Records provided -
◆ ◆ ◆ ◆ ◆

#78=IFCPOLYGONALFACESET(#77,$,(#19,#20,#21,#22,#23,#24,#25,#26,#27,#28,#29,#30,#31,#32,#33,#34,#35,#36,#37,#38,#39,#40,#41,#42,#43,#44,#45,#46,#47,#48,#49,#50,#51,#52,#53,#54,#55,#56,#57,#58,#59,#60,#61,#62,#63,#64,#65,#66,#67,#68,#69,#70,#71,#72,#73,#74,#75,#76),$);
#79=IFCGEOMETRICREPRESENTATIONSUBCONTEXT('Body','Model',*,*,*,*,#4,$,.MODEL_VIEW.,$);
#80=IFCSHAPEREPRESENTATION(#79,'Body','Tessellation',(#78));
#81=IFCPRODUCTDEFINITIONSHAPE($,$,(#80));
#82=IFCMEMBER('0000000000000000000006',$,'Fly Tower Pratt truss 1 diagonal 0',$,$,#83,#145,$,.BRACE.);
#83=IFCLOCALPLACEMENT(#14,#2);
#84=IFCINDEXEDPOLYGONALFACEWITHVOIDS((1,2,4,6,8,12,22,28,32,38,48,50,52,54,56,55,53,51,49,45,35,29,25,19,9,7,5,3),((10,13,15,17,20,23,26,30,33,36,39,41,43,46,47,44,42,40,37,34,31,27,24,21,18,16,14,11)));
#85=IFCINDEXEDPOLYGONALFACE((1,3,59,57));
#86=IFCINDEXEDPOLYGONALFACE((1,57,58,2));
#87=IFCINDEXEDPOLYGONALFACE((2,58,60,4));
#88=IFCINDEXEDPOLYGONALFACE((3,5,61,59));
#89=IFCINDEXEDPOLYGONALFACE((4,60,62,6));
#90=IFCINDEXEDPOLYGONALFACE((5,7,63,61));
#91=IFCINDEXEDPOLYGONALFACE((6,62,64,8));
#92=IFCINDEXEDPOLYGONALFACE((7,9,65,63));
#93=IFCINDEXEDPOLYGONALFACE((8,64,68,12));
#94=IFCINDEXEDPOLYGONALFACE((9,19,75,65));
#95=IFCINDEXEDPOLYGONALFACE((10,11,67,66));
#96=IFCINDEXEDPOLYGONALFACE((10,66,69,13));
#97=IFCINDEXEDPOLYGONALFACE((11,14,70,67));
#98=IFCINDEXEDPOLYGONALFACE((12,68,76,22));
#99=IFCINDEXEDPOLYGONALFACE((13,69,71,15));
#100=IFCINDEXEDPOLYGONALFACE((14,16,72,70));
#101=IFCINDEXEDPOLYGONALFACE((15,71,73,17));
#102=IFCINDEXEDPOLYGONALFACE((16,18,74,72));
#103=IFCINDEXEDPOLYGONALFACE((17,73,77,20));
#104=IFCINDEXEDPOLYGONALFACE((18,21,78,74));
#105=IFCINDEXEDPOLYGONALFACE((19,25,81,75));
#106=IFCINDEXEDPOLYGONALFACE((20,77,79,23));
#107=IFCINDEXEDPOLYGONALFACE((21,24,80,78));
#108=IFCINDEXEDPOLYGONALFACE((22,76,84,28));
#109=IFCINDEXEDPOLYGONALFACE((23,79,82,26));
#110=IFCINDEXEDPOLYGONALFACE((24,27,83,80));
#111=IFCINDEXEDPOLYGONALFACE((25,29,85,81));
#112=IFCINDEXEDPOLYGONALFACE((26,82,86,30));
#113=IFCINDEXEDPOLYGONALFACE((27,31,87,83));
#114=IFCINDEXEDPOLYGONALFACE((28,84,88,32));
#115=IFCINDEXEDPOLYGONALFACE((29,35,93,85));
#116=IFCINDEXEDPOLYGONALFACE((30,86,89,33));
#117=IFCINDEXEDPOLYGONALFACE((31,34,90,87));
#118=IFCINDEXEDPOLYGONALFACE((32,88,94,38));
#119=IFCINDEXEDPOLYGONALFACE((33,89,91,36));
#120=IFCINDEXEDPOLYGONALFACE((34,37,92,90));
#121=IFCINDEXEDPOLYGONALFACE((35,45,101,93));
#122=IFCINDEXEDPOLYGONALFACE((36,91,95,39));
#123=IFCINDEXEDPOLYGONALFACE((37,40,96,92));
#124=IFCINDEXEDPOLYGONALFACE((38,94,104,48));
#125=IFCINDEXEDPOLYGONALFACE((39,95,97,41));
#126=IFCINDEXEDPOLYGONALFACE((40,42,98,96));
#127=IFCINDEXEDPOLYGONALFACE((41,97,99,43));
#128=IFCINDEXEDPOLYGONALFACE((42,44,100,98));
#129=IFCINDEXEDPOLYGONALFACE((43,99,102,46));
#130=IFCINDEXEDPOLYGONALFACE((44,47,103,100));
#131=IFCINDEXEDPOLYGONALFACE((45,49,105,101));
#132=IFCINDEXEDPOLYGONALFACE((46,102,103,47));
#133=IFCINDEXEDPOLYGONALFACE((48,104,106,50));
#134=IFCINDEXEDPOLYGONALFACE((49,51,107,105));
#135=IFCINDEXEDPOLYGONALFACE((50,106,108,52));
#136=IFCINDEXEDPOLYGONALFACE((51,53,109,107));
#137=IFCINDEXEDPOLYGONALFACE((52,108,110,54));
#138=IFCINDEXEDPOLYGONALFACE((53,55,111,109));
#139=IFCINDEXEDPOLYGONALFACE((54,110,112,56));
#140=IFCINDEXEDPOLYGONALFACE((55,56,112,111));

◆ ◆ ◆ ◆ ◆

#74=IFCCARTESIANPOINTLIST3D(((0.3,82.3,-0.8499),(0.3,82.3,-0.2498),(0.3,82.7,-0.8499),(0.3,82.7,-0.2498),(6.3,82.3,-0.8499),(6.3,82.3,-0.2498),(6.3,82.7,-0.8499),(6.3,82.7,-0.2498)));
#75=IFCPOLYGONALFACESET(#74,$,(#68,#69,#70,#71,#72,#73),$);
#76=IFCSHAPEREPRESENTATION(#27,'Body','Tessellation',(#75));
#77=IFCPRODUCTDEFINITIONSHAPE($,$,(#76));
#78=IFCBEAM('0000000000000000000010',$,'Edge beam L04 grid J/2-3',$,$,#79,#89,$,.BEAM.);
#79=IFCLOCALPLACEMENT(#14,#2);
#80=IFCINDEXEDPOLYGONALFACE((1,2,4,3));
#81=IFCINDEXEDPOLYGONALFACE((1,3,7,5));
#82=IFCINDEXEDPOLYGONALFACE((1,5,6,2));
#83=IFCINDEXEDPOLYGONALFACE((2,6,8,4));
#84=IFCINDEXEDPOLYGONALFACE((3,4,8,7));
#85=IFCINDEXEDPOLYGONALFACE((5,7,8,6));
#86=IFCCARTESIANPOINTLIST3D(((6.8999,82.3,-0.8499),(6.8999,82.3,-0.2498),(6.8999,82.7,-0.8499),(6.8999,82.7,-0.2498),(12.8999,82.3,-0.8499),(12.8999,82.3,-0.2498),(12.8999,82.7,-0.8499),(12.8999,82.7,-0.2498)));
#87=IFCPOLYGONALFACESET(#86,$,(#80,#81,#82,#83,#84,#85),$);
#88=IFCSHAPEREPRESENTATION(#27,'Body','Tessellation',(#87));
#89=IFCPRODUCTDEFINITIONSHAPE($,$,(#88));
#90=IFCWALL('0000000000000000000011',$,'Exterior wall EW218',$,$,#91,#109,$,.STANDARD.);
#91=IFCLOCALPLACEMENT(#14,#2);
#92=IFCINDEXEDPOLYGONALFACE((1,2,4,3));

◆ ◆ ◆ ◆ ◆

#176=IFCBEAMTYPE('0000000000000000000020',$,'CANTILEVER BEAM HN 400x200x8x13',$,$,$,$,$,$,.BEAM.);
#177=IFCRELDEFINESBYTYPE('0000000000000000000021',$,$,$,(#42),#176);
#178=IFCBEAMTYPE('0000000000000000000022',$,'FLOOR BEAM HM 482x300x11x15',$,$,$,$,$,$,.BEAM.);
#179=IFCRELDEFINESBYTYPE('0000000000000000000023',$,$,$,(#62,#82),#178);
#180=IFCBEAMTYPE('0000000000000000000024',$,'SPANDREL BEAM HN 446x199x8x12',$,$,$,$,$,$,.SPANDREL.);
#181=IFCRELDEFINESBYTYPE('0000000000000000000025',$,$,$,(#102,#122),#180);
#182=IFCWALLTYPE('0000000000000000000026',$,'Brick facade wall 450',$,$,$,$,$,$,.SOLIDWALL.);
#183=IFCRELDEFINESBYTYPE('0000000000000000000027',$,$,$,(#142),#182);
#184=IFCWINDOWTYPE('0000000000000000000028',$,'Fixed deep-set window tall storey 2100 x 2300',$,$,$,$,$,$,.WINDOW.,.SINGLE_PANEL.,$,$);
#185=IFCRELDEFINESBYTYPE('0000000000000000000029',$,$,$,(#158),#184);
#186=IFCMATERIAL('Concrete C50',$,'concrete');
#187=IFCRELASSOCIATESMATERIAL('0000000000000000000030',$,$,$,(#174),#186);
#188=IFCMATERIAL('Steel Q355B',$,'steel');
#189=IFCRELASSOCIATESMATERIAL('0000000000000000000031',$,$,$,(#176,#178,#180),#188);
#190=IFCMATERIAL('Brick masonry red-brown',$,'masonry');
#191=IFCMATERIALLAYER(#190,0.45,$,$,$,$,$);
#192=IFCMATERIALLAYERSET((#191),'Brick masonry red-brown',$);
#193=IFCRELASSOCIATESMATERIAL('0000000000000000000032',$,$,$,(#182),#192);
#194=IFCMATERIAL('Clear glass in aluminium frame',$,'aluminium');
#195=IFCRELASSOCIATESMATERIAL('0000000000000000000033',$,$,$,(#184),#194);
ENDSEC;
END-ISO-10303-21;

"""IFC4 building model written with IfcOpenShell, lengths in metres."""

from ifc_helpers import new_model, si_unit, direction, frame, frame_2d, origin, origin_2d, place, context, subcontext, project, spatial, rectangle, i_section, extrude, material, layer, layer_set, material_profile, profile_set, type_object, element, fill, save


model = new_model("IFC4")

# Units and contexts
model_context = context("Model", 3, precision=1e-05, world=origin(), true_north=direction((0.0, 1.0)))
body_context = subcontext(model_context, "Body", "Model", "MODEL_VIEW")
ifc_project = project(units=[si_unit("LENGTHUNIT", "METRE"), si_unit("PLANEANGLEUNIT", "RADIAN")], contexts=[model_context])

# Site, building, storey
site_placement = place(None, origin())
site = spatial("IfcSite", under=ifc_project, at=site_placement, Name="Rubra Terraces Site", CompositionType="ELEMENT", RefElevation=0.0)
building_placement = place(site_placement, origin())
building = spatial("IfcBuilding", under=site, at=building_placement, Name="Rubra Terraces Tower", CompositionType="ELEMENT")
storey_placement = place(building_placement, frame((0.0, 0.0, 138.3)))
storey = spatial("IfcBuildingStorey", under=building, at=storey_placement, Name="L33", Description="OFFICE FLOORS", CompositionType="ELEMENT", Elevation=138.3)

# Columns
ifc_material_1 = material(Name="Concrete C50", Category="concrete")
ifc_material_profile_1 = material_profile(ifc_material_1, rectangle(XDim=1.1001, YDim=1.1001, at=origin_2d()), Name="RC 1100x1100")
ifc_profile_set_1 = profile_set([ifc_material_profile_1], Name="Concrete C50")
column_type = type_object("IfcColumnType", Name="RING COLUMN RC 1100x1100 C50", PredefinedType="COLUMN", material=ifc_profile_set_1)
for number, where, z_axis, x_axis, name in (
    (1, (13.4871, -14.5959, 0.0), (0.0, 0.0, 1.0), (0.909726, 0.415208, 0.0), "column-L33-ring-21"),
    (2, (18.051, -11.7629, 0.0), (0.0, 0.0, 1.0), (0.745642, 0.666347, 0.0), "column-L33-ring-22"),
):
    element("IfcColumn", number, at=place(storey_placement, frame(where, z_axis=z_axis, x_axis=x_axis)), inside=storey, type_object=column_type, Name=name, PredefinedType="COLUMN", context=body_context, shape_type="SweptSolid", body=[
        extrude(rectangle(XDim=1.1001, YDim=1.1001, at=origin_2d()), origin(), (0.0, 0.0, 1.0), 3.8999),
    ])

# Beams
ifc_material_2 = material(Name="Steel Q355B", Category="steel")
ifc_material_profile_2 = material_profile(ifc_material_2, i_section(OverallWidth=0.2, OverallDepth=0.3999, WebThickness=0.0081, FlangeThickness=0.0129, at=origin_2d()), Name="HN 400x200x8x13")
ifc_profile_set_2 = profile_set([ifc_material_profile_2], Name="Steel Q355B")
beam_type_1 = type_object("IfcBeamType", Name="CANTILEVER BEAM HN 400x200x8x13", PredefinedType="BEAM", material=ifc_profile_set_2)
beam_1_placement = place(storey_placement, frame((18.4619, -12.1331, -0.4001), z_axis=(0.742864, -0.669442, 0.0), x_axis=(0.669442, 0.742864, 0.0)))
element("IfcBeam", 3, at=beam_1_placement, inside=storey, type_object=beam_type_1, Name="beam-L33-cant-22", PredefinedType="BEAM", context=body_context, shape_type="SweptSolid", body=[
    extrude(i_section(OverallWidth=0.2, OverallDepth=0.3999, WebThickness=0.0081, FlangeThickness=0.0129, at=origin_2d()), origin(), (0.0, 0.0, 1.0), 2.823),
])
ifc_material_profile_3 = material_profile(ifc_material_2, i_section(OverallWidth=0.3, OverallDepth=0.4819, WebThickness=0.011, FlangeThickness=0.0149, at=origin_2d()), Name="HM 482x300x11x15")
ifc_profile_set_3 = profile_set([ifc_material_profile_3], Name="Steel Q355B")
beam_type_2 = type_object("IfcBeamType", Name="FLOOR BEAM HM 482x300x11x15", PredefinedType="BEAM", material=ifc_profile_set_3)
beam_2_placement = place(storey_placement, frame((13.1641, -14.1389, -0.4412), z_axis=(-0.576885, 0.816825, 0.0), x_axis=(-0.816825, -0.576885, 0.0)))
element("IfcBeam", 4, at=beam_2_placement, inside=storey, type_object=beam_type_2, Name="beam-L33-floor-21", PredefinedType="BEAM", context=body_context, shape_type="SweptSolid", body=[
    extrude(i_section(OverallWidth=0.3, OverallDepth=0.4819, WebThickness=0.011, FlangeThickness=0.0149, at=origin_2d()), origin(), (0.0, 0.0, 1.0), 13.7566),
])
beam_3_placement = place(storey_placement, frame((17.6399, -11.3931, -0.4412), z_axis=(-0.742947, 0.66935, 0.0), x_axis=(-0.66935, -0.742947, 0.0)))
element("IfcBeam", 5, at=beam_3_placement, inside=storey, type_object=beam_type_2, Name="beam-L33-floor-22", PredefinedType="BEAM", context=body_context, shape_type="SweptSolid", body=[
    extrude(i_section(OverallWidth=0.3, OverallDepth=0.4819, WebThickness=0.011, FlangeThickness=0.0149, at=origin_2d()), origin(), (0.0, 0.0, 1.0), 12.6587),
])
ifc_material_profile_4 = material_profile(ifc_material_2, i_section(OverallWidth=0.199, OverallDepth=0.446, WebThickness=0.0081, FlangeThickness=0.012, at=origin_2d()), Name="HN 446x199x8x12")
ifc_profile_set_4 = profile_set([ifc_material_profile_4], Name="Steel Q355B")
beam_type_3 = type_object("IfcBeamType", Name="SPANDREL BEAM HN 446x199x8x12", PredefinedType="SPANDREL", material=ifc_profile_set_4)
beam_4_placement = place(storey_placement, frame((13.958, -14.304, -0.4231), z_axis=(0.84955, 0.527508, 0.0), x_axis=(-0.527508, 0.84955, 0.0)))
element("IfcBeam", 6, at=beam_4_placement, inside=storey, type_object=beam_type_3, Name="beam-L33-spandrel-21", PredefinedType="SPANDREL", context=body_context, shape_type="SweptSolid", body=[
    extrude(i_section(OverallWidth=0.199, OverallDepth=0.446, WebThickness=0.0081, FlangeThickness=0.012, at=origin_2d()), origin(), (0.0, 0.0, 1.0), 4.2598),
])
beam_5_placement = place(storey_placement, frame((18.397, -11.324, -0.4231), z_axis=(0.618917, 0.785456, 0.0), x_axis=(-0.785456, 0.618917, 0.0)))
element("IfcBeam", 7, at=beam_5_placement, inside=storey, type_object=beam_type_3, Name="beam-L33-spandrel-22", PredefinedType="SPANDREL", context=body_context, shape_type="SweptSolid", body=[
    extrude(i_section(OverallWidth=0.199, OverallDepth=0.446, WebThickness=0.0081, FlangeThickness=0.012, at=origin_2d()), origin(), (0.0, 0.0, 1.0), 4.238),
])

◆ ◆ ◆ ◆ ◆

Copy back the listing above exactly, but only from the line with "#107=IFCINDEXEDPOLYGONALFACE((21,24,80,78));" through the line with "#111=IFCINDEXEDPOLYGONALFACE((25,29,85,81));", both ends included.

Task response -
#107=IFCINDEXEDPOLYGONALFACE((21,24,80,78));
#108=IFCINDEXEDPOLYGONALFACE((22,76,84,28));
#109=IFCINDEXEDPOLYGONALFACE((23,79,82,26));
#110=IFCINDEXEDPOLYGONALFACE((24,27,83,80));
#111=IFCINDEXEDPOLYGONALFACE((25,29,85,81));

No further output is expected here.